SUPPLIED MATERIAL ::
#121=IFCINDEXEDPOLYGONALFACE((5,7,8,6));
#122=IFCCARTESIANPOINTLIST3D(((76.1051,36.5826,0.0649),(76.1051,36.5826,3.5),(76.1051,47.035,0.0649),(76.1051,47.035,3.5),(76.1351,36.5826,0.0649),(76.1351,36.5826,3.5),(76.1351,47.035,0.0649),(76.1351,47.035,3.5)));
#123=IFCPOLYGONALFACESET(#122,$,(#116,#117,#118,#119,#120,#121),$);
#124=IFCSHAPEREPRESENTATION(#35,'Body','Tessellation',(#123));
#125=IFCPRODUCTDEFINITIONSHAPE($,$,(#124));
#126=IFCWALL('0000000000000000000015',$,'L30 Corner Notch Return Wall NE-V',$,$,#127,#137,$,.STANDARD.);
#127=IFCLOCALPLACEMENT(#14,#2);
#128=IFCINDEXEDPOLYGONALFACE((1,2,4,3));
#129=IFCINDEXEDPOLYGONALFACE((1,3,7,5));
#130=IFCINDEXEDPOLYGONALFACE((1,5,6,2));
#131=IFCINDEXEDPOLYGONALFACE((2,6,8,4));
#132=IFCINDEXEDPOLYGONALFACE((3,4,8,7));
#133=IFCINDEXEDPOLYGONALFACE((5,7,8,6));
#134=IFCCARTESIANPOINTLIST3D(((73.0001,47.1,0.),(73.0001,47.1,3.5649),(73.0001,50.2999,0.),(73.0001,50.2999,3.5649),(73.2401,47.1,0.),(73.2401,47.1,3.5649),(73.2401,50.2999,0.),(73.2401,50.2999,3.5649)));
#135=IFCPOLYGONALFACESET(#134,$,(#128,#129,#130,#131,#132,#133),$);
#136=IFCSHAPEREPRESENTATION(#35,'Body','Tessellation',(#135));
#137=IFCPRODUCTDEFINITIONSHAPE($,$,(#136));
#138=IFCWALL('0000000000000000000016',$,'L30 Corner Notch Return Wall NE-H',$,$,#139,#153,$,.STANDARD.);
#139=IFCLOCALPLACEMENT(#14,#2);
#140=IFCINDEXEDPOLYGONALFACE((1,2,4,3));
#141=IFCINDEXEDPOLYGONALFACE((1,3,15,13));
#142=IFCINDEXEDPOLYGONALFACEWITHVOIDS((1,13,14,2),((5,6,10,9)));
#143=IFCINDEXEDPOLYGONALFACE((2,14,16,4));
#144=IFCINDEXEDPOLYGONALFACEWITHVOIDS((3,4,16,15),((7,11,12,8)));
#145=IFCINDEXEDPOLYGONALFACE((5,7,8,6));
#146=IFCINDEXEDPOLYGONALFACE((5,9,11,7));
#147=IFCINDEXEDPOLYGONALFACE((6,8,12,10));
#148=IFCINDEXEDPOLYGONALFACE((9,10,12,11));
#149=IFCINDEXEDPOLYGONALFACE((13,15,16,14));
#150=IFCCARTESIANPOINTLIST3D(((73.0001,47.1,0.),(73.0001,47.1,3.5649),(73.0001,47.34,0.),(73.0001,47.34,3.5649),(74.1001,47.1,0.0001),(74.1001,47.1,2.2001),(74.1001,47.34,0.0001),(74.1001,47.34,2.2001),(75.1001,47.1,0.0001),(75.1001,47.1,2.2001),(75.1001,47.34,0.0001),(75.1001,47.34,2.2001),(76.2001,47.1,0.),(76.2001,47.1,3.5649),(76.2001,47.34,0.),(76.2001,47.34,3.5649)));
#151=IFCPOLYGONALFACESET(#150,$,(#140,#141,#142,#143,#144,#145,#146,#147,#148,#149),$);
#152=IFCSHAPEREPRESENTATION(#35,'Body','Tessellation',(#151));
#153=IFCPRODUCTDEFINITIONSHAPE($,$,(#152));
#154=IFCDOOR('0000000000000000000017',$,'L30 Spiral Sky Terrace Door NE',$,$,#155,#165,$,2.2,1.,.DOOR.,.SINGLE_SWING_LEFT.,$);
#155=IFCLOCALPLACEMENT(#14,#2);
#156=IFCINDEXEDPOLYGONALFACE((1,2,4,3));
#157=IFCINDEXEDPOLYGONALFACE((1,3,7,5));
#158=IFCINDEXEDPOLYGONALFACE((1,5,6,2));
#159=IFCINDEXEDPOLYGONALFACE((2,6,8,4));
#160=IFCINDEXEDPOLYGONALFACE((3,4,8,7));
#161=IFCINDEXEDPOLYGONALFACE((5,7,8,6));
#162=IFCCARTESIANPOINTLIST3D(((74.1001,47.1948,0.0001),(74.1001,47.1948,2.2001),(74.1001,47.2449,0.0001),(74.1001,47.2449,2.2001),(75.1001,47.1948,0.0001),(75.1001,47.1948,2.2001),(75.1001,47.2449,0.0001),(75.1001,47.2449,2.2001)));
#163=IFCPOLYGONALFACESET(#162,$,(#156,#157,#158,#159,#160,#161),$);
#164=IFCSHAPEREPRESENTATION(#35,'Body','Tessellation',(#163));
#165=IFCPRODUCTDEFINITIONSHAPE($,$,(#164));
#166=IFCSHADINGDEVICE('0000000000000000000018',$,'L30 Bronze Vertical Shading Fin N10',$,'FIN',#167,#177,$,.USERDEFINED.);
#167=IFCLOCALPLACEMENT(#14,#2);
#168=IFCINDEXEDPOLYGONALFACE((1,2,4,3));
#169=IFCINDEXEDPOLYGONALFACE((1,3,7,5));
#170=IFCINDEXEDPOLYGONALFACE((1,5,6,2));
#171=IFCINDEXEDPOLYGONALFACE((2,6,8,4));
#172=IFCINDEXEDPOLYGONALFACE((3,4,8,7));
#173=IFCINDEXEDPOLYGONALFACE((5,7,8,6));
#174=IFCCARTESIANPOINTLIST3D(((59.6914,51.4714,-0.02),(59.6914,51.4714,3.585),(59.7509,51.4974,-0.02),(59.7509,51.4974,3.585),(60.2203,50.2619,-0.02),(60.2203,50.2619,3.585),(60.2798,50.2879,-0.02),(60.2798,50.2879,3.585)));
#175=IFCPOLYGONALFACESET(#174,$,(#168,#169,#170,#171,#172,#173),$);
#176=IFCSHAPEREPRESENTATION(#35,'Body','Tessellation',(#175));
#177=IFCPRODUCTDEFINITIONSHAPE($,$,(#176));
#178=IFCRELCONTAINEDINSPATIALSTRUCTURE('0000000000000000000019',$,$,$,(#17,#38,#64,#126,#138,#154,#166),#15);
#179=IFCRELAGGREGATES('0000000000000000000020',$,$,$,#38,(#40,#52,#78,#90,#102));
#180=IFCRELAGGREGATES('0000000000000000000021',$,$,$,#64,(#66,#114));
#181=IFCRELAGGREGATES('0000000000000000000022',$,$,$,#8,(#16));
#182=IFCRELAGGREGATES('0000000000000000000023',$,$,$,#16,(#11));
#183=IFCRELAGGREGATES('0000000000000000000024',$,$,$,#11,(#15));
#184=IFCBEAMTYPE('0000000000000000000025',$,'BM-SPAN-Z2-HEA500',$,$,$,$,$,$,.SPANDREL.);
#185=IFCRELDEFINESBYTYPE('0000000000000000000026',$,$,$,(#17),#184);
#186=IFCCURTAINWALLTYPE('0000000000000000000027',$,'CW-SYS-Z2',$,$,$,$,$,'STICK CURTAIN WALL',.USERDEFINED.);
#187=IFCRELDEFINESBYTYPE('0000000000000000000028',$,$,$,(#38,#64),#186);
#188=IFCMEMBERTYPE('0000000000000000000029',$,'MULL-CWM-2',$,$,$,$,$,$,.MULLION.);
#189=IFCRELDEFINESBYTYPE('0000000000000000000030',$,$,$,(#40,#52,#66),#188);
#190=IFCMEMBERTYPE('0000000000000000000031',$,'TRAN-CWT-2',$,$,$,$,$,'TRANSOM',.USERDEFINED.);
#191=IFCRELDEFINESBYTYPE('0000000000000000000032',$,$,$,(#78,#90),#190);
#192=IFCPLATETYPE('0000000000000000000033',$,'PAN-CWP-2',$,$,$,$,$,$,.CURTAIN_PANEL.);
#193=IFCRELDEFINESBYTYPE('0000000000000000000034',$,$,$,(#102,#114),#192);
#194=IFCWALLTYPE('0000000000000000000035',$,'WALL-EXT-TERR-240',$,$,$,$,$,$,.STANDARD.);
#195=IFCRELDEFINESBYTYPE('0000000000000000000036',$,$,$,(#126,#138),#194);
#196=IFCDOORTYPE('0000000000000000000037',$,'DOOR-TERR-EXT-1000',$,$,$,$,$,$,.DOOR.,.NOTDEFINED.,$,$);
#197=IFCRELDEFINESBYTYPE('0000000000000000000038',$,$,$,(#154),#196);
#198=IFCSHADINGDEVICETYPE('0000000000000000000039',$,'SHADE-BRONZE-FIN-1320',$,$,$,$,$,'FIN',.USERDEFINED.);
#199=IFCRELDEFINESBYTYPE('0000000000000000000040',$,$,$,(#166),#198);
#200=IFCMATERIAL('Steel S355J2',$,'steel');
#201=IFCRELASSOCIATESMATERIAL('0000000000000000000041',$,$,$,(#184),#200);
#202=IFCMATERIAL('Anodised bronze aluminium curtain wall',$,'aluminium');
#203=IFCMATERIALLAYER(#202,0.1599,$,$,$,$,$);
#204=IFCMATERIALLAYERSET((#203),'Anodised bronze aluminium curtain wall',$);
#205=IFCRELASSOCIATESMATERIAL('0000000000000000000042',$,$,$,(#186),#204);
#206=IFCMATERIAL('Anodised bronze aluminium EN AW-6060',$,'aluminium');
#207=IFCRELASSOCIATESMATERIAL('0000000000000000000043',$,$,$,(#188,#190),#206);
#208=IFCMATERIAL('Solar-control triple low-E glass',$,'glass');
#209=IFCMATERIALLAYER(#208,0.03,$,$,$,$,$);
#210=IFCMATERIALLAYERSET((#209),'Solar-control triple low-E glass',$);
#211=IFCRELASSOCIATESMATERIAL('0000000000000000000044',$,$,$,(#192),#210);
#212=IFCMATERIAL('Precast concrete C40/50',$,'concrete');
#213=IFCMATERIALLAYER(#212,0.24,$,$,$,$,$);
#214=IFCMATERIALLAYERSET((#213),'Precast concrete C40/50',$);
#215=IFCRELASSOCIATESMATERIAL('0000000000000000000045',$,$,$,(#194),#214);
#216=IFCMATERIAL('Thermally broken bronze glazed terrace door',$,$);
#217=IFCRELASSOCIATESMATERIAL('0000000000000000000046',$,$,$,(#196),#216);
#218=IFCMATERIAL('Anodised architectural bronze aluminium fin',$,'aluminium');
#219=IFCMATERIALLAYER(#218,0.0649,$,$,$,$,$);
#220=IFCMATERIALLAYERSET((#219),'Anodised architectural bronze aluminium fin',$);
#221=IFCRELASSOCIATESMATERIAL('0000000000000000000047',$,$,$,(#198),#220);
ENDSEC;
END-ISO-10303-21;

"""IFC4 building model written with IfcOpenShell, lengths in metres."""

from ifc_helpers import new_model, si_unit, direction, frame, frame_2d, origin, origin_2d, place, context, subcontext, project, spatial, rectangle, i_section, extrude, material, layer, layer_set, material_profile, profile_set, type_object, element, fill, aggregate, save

TASK :: Only the lines from the one containing "#213=IFCMATERIALLAYER(#212,0.24,$,$,$,$,$);" through the end of the listing belong in the response, each reproduced exactly.

YOUR SOLUTION ::
#213=IFCMATERIALLAYER(#212,0.24,$,$,$,$,$);
#214=IFCMATERIALLAYERSET((#213),'Precast concrete C40/50',$);
#215=IFCRELASSOCIATESMATERIAL('0000000000000000000045',$,$,$,(#194),#214);
#216=IFCMATERIAL('Thermally broken bronze glazed terrace door',$,$);
#217=IFCRELASSOCIATESMATERIAL('0000000000000000000046',$,$,$,(#196),#216);
#218=IFCMATERIAL('Anodised architectural bronze aluminium fin',$,'aluminium');
#219=IFCMATERIALLAYER(#218,0.0649,$,$,$,$,$);
#220=IFCMATERIALLAYERSET((#219),'Anodised architectural bronze aluminium fin',$);
#221=IFCRELASSOCIATESMATERIAL('0000000000000000000047',$,$,$,(#198),#220);
ENDSEC;
END-ISO-10303-21;

"""IFC4 building model written with IfcOpenShell, lengths in metres."""

from ifc_helpers import new_model, si_unit, direction, frame, frame_2d, origin, origin_2d, place, context, subcontext, project, spatial, rectangle, i_section, extrude, material, layer, layer_set, material_profile, profile_set, type_object, element, fill, aggregate, save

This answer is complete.